What is expected> Could you say how many lines below contain the word "return"? Give the number with no other text.

++++ Task material ++++

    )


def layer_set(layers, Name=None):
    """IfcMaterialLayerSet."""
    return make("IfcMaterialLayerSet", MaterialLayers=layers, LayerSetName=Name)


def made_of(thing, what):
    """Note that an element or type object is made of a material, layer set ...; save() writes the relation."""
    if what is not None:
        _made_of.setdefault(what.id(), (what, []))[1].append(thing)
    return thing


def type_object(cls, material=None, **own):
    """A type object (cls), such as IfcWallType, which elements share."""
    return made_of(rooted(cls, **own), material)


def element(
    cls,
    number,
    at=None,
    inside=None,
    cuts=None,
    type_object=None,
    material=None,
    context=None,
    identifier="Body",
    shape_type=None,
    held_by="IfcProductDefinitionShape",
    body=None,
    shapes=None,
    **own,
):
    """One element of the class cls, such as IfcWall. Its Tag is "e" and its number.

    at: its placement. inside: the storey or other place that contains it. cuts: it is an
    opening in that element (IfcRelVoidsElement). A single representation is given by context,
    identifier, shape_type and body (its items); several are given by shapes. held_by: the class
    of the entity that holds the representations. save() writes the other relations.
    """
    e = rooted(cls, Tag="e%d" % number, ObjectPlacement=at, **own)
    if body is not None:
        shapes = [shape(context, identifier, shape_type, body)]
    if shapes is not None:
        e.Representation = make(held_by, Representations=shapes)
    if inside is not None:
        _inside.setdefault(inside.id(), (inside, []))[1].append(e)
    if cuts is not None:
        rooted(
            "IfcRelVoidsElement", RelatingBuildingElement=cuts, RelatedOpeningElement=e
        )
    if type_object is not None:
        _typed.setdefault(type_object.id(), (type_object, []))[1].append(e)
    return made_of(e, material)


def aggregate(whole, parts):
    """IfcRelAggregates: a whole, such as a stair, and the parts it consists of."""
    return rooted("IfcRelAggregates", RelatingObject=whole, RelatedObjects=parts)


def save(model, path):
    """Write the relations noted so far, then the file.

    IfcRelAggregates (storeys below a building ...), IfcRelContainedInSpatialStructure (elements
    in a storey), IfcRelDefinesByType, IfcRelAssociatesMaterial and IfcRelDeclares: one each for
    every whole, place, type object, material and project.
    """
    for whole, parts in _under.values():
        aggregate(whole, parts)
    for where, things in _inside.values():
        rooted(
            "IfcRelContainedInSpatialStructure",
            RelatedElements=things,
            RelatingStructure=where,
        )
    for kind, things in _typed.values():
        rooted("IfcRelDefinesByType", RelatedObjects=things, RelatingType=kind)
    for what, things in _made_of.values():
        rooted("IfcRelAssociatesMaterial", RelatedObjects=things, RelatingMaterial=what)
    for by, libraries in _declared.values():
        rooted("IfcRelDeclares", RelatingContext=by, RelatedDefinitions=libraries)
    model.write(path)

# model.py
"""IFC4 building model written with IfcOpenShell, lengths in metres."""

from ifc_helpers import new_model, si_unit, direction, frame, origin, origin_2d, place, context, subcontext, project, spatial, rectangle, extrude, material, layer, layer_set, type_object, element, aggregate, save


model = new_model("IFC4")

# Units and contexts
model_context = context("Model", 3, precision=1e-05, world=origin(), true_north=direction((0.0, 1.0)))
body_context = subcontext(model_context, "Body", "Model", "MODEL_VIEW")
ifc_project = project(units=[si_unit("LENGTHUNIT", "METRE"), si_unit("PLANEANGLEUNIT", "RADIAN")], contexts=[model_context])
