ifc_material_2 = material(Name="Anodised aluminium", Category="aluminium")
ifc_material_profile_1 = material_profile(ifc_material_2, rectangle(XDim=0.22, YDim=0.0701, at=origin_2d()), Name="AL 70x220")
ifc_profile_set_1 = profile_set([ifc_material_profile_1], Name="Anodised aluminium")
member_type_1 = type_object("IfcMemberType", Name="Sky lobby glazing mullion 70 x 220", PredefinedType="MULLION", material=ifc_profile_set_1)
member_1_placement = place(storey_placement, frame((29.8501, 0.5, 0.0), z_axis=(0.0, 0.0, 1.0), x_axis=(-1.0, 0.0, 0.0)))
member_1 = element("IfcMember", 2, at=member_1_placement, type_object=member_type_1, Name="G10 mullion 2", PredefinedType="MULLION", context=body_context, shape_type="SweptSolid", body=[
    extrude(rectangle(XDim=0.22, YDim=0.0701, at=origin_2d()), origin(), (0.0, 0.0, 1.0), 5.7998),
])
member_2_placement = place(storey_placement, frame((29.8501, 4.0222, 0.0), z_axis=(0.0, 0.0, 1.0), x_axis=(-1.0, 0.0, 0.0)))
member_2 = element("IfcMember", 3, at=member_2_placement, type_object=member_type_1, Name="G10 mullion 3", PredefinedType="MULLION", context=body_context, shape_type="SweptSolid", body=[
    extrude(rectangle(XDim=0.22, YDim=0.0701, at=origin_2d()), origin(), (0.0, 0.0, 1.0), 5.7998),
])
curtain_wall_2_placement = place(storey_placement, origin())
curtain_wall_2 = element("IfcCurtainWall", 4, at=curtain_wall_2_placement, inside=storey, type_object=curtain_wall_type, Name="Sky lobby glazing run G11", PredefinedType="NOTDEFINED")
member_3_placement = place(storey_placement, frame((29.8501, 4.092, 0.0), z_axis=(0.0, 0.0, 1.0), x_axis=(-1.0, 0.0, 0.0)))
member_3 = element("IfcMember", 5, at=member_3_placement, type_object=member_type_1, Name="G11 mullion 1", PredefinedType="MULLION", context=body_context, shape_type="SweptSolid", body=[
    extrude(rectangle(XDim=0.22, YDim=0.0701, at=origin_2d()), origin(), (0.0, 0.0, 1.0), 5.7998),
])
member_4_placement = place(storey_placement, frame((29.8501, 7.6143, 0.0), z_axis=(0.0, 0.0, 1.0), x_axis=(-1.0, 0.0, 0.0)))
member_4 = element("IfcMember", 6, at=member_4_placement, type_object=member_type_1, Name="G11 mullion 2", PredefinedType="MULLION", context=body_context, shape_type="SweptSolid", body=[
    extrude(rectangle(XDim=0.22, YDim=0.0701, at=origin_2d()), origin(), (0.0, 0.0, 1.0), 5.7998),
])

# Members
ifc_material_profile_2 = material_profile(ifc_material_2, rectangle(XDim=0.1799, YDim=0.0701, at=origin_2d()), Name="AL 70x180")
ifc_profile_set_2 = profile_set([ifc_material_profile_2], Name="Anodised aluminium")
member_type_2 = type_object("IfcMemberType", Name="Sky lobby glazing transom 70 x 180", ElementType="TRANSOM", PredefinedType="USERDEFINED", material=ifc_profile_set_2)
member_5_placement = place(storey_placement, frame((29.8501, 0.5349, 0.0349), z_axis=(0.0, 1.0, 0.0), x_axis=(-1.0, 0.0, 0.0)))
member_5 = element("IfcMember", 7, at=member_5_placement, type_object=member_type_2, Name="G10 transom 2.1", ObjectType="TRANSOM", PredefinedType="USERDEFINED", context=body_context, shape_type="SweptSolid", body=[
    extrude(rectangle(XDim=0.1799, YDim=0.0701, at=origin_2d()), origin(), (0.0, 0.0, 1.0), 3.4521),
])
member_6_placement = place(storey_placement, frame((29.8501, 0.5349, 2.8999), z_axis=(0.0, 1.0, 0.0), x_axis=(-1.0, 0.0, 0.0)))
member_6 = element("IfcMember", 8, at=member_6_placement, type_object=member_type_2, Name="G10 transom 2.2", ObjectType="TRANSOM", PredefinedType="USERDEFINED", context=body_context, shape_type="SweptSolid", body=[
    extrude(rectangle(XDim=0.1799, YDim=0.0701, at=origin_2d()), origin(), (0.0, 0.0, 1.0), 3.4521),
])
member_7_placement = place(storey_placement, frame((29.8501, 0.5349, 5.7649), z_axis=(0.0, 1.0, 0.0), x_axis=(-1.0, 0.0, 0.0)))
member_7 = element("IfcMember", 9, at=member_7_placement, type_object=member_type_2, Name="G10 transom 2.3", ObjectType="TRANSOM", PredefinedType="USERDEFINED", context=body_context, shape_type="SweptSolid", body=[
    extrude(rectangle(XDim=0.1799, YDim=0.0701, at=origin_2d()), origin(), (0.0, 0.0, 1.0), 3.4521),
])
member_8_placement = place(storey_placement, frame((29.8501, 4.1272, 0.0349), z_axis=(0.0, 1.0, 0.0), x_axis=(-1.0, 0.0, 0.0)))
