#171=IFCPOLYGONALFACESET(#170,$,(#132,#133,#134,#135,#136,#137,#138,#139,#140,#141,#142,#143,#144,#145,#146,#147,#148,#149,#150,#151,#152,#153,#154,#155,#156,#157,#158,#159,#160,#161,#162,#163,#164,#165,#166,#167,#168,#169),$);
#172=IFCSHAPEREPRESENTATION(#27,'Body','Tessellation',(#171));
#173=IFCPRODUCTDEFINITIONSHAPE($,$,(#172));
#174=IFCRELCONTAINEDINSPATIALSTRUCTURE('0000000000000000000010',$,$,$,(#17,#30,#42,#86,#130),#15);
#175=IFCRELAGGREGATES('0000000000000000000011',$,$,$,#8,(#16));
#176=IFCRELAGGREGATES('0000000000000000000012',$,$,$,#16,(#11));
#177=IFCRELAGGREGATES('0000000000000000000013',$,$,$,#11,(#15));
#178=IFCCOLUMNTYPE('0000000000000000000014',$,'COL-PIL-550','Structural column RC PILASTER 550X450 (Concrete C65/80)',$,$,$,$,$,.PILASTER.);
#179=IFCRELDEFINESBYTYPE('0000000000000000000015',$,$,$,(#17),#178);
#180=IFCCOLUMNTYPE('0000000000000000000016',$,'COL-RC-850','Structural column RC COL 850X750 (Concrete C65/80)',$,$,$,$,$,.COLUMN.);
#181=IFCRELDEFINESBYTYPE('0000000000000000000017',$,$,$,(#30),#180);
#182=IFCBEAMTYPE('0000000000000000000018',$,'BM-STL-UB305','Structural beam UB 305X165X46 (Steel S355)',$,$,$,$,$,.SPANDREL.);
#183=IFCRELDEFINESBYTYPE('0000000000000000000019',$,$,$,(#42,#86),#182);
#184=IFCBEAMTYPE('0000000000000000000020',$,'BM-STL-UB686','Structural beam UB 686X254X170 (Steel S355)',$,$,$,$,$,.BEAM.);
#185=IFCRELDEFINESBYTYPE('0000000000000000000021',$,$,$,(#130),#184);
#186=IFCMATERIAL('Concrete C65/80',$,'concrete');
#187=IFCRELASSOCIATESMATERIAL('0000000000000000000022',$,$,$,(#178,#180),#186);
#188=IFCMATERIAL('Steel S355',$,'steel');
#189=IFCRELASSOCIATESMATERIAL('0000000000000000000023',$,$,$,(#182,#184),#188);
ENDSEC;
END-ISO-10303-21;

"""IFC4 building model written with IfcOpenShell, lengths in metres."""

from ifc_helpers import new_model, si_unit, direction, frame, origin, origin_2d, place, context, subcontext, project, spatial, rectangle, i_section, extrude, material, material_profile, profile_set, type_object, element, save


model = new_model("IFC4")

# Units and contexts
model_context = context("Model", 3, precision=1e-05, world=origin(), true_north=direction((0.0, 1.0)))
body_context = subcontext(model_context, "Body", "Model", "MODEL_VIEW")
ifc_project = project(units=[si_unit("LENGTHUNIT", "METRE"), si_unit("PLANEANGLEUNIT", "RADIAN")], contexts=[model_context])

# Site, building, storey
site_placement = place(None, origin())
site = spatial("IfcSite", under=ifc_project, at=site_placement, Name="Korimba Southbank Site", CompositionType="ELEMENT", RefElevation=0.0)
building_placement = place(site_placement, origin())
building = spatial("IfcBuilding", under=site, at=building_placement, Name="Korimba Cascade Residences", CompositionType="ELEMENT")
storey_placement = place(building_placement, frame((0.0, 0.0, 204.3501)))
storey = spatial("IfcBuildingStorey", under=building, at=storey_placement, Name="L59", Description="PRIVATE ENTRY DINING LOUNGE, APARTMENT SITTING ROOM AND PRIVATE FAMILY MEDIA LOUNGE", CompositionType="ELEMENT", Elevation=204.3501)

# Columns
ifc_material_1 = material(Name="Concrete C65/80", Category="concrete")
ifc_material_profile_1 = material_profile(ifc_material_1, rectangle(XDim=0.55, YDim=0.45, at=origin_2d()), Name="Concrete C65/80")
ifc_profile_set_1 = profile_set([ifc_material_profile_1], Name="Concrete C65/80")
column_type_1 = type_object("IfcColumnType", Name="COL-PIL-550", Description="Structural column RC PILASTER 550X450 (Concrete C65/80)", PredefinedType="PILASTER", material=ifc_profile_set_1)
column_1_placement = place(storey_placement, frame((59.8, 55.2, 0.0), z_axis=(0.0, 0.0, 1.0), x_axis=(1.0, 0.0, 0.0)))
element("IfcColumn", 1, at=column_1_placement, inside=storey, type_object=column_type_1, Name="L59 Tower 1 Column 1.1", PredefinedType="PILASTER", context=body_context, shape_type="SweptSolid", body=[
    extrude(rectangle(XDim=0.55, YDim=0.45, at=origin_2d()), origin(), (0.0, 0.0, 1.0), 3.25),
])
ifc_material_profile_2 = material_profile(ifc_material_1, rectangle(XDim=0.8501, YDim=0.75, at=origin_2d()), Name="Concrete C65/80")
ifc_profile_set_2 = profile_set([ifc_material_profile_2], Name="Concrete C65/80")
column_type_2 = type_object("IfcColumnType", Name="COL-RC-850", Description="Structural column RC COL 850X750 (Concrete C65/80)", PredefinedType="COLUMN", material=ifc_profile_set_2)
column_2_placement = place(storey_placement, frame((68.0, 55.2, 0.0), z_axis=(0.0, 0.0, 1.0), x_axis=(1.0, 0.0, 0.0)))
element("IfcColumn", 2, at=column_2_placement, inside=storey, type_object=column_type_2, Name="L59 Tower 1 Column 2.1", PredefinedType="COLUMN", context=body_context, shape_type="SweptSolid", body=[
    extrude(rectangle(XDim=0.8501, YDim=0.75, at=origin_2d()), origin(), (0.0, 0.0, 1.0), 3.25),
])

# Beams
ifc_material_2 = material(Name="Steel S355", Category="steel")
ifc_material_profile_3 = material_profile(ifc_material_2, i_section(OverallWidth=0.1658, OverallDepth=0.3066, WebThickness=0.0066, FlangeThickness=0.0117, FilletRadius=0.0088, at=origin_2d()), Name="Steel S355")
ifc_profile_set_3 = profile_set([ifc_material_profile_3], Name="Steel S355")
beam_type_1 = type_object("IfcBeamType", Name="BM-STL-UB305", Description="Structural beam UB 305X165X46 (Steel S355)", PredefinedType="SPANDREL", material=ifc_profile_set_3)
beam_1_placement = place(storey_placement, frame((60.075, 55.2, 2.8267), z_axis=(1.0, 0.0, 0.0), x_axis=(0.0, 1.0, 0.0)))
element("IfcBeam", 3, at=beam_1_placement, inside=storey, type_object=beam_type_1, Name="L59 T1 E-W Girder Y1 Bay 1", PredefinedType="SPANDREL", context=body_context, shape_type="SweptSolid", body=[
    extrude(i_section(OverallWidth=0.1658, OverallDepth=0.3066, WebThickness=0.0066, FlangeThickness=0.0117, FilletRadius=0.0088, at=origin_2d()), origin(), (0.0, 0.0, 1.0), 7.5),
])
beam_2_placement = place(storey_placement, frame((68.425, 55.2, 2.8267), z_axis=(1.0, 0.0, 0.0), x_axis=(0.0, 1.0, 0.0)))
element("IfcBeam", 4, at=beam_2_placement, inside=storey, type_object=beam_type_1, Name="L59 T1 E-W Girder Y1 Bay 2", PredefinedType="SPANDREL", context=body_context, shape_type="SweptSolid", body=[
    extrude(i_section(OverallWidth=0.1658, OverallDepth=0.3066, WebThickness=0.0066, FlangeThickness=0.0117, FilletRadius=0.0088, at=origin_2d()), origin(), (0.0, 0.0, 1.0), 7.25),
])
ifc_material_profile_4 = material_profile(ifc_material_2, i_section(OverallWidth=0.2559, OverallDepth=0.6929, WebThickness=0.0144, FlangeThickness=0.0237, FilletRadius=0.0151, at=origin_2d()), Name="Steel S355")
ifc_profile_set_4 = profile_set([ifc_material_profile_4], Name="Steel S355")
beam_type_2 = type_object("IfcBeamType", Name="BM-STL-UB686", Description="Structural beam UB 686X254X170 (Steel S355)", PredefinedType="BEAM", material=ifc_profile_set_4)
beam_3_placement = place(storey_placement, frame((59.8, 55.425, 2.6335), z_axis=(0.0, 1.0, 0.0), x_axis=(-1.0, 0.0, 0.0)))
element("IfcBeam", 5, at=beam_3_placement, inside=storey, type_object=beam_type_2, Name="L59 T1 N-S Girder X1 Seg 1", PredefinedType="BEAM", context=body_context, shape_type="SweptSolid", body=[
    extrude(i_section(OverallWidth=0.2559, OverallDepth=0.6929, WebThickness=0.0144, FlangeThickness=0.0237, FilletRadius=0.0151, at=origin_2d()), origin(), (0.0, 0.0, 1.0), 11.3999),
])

++++

Finished exercise> 5